*EXERCISE DESCRIPTION*. From the entries below, copy exactly the lines from the one that contains "#89=IFCINDEXEDPOLYGONALFACE((35,36,40,39));" through the one that contains "#91=IFCINDEXEDPOLYGONALFACE((39,40,42,41));", both included, and only those.
━━ RECORDS FOR THIS TASK ━━
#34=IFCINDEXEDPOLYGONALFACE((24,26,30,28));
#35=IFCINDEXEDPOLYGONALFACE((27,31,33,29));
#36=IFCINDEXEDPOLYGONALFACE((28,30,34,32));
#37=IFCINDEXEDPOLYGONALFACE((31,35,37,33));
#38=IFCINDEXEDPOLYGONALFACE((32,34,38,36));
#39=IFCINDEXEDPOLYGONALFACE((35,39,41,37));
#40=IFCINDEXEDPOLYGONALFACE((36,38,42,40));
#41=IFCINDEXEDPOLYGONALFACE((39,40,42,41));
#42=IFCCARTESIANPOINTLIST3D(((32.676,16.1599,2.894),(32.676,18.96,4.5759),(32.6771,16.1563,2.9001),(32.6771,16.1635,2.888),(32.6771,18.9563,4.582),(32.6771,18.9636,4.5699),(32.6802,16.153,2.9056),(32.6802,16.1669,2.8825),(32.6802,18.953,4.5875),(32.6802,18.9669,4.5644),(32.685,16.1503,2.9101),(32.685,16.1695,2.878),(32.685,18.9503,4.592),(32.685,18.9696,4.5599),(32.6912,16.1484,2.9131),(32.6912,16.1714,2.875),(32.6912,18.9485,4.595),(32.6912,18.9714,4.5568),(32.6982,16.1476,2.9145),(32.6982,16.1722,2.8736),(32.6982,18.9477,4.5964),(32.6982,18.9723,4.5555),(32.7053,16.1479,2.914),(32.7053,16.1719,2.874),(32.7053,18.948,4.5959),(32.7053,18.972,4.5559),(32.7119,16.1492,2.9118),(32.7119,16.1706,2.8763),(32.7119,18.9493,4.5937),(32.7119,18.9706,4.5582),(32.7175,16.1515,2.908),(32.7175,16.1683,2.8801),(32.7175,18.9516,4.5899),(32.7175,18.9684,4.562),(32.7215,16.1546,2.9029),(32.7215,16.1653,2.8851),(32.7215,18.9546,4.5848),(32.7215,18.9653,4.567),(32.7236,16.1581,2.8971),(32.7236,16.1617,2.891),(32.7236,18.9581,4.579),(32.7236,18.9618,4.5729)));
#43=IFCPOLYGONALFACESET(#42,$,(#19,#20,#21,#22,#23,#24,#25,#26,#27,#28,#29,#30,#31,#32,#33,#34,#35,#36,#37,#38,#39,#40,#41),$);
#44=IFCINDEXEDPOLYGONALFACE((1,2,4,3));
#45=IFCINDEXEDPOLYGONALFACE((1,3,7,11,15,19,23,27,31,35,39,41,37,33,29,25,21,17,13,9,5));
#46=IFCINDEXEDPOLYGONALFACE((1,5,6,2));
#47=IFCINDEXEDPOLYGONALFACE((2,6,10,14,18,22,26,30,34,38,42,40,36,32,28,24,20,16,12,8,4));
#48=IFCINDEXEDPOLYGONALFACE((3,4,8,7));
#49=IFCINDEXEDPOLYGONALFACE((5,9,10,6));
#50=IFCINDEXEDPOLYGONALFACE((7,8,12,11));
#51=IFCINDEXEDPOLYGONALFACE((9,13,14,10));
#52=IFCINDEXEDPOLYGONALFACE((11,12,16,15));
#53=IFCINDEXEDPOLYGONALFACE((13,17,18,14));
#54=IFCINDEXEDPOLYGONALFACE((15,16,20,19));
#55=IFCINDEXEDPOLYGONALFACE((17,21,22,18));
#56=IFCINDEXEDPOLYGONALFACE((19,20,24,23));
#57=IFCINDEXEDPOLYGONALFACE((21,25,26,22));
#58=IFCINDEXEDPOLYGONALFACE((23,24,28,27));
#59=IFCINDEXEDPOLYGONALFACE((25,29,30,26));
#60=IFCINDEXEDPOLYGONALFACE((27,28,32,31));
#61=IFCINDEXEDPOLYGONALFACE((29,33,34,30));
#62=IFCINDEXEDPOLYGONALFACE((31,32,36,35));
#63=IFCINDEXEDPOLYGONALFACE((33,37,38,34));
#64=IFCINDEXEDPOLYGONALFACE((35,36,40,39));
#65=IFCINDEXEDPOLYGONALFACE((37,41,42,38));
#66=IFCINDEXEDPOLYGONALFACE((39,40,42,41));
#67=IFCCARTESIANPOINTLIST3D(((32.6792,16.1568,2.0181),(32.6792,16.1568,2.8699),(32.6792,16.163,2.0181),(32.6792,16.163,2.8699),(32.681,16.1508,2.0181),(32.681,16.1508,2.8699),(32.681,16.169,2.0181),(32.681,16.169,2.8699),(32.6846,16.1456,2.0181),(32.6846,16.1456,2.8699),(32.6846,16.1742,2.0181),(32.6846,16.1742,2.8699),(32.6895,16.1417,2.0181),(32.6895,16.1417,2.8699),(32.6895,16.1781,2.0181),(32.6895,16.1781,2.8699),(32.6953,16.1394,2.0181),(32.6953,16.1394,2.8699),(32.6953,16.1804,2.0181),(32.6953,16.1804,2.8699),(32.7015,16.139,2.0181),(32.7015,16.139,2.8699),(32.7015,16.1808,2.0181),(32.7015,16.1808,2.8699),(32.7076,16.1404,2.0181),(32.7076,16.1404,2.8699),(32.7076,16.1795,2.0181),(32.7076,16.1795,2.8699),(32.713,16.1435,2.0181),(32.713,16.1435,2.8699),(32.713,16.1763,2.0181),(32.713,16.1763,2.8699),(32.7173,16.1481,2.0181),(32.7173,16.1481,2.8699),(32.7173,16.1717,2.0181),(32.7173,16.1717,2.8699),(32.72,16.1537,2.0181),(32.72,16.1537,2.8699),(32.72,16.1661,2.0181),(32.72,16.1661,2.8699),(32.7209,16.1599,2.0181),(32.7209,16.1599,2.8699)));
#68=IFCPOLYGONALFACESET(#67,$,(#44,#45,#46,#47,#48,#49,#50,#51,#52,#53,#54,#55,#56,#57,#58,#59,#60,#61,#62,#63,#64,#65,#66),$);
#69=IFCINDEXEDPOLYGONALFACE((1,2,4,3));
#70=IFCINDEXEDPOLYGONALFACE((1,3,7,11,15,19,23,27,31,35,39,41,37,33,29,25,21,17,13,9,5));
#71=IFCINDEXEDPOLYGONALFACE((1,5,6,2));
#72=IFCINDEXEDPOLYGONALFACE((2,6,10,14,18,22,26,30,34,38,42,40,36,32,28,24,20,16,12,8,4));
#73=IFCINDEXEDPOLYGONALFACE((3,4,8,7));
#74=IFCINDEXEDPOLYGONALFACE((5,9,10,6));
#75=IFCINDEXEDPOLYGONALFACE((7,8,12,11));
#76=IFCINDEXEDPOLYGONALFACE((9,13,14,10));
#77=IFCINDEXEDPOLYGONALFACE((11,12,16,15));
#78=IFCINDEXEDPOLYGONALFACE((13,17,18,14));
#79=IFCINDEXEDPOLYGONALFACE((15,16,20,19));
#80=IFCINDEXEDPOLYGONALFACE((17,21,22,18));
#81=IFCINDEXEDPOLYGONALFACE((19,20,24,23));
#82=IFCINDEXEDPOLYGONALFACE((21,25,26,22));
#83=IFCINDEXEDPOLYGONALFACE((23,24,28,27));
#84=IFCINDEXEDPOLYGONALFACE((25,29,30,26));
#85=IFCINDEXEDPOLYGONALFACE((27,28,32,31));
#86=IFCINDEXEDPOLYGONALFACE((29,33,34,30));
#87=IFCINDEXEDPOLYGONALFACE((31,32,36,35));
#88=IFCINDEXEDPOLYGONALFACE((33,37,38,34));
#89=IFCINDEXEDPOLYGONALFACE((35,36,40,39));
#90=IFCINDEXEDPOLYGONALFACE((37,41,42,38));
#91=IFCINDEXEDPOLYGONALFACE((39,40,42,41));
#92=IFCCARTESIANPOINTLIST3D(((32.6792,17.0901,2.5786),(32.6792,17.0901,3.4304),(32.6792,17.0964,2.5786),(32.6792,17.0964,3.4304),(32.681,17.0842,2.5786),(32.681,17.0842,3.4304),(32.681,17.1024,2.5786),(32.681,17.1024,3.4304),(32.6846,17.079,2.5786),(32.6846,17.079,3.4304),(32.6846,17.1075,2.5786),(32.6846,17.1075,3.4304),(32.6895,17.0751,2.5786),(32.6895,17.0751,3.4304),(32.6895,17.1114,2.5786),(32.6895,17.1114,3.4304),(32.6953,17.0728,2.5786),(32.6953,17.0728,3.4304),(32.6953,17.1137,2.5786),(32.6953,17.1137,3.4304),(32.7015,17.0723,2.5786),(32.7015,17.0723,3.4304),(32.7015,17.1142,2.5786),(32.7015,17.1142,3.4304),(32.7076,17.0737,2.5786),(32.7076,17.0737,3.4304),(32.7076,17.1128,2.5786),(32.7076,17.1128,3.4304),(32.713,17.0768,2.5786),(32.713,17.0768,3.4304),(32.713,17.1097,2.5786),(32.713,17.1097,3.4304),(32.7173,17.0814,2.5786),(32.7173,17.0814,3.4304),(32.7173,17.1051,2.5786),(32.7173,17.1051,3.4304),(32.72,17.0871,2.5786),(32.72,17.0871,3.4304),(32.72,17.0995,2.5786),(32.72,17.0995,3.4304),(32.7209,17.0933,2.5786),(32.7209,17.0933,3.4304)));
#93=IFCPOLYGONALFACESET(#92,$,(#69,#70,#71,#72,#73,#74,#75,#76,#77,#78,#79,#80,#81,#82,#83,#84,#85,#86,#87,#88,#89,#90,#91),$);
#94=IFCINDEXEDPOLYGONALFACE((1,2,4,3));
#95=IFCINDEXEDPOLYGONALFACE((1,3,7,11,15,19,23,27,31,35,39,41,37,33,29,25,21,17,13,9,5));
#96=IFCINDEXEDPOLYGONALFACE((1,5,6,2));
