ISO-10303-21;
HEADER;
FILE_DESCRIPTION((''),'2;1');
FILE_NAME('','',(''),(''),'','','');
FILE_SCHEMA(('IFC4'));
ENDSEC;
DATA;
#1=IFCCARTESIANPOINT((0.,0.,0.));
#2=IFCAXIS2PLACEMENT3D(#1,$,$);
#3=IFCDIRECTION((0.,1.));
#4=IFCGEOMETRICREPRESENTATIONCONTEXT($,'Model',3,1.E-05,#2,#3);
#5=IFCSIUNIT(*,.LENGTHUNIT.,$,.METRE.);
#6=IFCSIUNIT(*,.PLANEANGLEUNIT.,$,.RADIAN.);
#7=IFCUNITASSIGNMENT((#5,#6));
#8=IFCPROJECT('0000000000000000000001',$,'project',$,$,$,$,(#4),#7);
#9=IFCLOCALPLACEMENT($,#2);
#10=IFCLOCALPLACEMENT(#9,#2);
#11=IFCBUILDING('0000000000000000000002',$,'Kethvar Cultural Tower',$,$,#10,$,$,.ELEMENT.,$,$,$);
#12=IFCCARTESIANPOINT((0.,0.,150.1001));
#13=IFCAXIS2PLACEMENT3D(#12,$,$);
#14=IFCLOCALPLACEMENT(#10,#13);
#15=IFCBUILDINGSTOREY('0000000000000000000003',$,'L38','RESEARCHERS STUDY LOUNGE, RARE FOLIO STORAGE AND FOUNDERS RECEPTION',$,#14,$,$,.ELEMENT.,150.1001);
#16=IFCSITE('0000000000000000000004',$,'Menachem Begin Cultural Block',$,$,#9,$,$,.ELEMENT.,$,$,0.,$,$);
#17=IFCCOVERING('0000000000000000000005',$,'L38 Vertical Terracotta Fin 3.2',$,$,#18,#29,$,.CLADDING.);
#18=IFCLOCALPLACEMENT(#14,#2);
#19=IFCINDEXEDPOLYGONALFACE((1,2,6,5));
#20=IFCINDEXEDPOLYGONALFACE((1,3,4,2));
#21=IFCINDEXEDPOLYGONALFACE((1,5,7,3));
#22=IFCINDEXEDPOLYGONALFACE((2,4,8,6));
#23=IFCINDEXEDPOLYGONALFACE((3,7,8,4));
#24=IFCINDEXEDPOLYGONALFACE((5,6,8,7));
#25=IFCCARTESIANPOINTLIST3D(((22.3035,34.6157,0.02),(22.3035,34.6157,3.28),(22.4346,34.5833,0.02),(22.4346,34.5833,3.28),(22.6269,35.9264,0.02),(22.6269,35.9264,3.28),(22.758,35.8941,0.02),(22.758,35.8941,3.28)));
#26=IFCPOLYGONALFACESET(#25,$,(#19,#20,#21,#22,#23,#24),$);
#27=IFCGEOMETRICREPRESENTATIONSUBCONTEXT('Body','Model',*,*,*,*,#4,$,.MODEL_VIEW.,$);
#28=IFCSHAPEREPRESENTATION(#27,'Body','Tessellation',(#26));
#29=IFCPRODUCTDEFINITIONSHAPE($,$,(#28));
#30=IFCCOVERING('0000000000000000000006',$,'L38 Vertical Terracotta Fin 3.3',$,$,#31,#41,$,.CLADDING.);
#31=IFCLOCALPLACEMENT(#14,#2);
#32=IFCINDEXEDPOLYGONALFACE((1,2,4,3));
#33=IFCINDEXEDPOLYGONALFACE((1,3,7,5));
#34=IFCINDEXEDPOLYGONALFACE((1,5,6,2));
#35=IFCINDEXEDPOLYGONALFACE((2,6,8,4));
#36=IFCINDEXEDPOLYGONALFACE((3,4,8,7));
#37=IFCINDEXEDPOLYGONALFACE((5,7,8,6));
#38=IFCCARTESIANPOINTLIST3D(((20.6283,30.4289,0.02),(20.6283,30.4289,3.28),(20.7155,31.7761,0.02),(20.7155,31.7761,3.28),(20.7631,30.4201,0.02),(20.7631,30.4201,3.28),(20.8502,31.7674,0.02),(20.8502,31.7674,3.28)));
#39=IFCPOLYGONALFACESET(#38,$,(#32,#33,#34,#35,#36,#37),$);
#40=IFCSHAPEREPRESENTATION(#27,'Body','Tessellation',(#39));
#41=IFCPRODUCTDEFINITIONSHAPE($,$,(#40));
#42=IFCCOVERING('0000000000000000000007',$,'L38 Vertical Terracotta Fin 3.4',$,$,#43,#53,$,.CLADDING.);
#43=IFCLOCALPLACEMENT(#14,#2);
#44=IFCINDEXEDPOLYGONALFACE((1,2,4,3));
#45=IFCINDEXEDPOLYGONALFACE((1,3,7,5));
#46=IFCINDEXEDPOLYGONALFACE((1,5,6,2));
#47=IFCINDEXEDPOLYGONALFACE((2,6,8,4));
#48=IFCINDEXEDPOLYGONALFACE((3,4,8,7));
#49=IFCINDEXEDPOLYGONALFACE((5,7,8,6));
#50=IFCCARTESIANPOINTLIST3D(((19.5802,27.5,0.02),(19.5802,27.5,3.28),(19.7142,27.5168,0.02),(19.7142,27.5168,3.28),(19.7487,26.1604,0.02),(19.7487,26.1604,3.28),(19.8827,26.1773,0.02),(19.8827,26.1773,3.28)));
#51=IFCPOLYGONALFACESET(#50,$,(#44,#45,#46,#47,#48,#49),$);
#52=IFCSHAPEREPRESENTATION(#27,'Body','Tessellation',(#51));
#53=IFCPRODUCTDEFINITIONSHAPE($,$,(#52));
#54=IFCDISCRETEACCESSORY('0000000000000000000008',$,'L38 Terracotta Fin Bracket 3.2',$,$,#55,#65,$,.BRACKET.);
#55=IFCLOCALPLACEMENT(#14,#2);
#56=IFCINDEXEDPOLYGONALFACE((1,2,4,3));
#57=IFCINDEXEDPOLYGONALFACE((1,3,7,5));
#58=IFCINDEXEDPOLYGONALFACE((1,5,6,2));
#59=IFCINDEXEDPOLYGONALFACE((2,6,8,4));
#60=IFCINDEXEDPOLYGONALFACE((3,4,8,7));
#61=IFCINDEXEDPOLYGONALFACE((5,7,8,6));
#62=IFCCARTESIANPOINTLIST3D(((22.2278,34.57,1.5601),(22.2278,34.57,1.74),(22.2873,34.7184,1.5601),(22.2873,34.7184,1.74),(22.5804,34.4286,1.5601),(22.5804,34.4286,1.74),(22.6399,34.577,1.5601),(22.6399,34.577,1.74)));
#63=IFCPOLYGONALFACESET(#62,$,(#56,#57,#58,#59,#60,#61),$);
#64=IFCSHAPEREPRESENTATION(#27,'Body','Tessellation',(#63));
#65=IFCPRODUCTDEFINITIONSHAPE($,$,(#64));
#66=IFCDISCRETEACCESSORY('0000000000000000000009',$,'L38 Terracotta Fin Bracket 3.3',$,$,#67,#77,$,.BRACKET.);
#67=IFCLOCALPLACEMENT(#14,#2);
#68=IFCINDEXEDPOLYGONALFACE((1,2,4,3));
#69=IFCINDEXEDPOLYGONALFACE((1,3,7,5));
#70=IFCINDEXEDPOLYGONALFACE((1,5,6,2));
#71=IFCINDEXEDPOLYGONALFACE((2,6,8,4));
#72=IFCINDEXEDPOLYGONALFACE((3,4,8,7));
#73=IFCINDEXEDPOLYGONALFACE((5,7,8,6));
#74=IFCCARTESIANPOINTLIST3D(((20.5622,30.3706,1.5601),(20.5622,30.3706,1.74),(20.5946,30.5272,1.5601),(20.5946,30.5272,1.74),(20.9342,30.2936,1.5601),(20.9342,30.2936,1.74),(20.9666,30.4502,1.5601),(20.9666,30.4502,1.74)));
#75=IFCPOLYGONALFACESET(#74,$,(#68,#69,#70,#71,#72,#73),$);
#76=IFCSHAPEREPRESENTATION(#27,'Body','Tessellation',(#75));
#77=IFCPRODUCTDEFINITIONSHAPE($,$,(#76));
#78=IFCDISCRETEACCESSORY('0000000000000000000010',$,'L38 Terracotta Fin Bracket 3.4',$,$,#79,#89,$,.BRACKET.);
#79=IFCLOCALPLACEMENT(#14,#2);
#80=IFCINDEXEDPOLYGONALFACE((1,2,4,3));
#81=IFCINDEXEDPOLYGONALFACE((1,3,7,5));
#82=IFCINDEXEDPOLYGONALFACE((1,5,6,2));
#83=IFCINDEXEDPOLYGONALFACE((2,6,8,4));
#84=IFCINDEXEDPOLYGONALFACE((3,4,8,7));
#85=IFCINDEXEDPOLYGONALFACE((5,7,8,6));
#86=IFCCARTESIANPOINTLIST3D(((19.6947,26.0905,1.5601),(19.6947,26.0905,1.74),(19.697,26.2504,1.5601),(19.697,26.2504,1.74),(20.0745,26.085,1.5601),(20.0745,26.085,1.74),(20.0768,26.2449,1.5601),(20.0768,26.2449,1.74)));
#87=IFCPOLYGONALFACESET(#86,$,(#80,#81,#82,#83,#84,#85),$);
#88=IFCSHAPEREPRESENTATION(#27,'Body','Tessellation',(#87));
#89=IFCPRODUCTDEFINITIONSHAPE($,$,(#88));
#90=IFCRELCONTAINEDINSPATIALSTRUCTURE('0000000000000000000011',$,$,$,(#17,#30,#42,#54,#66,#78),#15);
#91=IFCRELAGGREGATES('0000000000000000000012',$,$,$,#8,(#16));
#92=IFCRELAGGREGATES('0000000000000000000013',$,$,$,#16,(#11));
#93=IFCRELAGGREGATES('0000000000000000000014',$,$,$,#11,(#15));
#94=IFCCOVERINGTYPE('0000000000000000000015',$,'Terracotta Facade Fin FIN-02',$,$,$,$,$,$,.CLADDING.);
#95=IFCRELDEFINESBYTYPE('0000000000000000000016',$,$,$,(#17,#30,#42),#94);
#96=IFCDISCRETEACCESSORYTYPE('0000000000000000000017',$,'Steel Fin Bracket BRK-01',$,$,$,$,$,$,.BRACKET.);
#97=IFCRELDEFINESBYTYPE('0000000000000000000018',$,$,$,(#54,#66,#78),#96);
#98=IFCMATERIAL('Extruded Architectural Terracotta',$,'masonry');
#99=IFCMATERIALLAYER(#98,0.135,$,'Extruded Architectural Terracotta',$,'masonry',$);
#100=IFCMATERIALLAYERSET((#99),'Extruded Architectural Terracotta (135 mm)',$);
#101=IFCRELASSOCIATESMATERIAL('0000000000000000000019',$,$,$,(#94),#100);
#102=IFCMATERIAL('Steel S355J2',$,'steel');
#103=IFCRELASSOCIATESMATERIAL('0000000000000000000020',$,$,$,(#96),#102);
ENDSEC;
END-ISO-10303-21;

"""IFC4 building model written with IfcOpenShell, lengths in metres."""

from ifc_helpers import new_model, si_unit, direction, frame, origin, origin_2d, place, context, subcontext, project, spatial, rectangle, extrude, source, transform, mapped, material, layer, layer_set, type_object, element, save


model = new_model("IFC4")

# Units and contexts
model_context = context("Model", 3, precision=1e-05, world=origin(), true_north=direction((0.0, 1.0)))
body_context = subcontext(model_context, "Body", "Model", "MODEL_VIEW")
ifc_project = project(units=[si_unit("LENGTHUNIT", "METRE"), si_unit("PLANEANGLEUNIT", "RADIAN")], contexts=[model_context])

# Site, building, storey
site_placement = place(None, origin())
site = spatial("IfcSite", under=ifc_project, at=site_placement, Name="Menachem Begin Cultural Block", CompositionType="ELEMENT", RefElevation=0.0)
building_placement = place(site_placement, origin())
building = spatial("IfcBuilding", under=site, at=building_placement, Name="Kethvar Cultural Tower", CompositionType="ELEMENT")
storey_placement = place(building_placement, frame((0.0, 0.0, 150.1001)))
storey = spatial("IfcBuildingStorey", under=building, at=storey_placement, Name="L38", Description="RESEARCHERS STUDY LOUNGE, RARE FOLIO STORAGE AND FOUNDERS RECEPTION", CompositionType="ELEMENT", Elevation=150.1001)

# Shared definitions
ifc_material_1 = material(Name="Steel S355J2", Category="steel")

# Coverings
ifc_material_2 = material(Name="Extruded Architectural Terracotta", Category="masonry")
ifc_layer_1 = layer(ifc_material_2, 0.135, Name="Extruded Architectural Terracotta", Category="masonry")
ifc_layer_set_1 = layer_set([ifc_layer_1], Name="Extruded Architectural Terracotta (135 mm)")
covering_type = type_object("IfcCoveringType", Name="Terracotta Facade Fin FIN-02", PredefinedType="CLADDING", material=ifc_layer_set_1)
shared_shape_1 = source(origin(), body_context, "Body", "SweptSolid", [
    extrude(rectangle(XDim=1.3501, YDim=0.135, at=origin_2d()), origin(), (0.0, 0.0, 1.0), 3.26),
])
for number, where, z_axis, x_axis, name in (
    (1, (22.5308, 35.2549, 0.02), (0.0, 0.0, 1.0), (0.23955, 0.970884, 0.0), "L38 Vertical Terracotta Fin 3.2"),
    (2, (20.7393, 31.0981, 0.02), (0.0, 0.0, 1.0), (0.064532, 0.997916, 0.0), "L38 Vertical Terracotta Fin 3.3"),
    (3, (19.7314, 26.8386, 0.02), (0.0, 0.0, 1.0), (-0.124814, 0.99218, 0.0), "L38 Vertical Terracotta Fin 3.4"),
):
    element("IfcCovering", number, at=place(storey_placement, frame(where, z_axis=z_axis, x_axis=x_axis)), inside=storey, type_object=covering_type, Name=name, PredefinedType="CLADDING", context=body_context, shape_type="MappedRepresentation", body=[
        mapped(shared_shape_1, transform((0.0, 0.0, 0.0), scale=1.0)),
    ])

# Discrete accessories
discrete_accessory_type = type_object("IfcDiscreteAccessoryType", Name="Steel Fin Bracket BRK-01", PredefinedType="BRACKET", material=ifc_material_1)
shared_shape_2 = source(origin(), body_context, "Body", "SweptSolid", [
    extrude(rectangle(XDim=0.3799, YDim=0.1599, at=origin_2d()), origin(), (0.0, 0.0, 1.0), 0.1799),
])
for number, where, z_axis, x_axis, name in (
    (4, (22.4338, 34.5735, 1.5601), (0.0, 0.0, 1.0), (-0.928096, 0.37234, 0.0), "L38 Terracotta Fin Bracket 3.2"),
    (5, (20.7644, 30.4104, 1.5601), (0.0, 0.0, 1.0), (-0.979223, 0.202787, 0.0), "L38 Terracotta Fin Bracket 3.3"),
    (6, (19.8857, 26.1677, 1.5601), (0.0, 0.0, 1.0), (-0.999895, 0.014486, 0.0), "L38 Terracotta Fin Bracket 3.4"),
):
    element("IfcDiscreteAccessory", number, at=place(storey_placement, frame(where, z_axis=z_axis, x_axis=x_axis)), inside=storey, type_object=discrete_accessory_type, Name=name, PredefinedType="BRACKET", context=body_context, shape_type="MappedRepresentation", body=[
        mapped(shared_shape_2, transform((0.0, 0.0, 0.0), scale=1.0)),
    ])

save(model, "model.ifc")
━━━
*EXERCISE OUTPUT*.
#89=IFCINDEXEDPOLYGONALFACE((35,36,40,39));
#90=IFCINDEXEDPOLYGONALFACE((37,41,42,38));
#91=IFCINDEXEDPOLYGONALFACE((39,40,42,41));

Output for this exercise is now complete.